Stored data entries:
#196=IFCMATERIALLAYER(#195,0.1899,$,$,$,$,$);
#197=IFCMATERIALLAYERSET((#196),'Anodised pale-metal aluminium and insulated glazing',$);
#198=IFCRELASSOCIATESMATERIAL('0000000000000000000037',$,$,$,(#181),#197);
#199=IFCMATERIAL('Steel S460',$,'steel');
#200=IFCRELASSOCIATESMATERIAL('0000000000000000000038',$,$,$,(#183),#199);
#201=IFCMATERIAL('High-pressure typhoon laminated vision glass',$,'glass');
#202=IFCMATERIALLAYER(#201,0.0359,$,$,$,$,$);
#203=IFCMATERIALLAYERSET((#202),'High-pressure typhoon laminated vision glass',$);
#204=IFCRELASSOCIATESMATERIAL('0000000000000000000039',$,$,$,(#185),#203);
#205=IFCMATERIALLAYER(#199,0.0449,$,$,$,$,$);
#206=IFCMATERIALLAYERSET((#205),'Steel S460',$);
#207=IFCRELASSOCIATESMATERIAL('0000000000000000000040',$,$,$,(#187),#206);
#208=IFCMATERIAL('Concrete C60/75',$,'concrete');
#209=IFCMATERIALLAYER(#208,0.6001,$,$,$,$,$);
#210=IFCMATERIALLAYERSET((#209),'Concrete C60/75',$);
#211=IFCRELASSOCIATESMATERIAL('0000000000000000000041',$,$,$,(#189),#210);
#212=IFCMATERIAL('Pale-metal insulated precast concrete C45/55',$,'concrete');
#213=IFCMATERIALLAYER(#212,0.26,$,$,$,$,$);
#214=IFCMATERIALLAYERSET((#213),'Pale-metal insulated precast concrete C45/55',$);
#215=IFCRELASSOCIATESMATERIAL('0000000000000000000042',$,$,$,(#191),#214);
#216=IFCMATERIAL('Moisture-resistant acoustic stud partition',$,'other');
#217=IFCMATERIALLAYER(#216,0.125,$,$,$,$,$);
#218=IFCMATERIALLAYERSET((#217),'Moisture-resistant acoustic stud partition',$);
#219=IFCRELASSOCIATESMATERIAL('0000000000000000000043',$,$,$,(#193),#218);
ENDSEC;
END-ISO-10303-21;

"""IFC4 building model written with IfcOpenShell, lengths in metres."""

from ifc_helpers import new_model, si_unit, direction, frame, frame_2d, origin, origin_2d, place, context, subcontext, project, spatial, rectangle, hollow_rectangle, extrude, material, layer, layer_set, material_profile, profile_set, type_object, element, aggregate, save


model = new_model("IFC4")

REQUIRED WORK |
Retype exactly the lines from the first line of the records above through the line containing "#199=IFCMATERIAL('Steel S460',$,'steel');", both included, and nothing else.

SOLUTION TO THIS EXERCISE |
#196=IFCMATERIALLAYER(#195,0.1899,$,$,$,$,$);
#197=IFCMATERIALLAYERSET((#196),'Anodised pale-metal aluminium and insulated glazing',$);
#198=IFCRELASSOCIATESMATERIAL('0000000000000000000037',$,$,$,(#181),#197);
#199=IFCMATERIAL('Steel S460',$,'steel');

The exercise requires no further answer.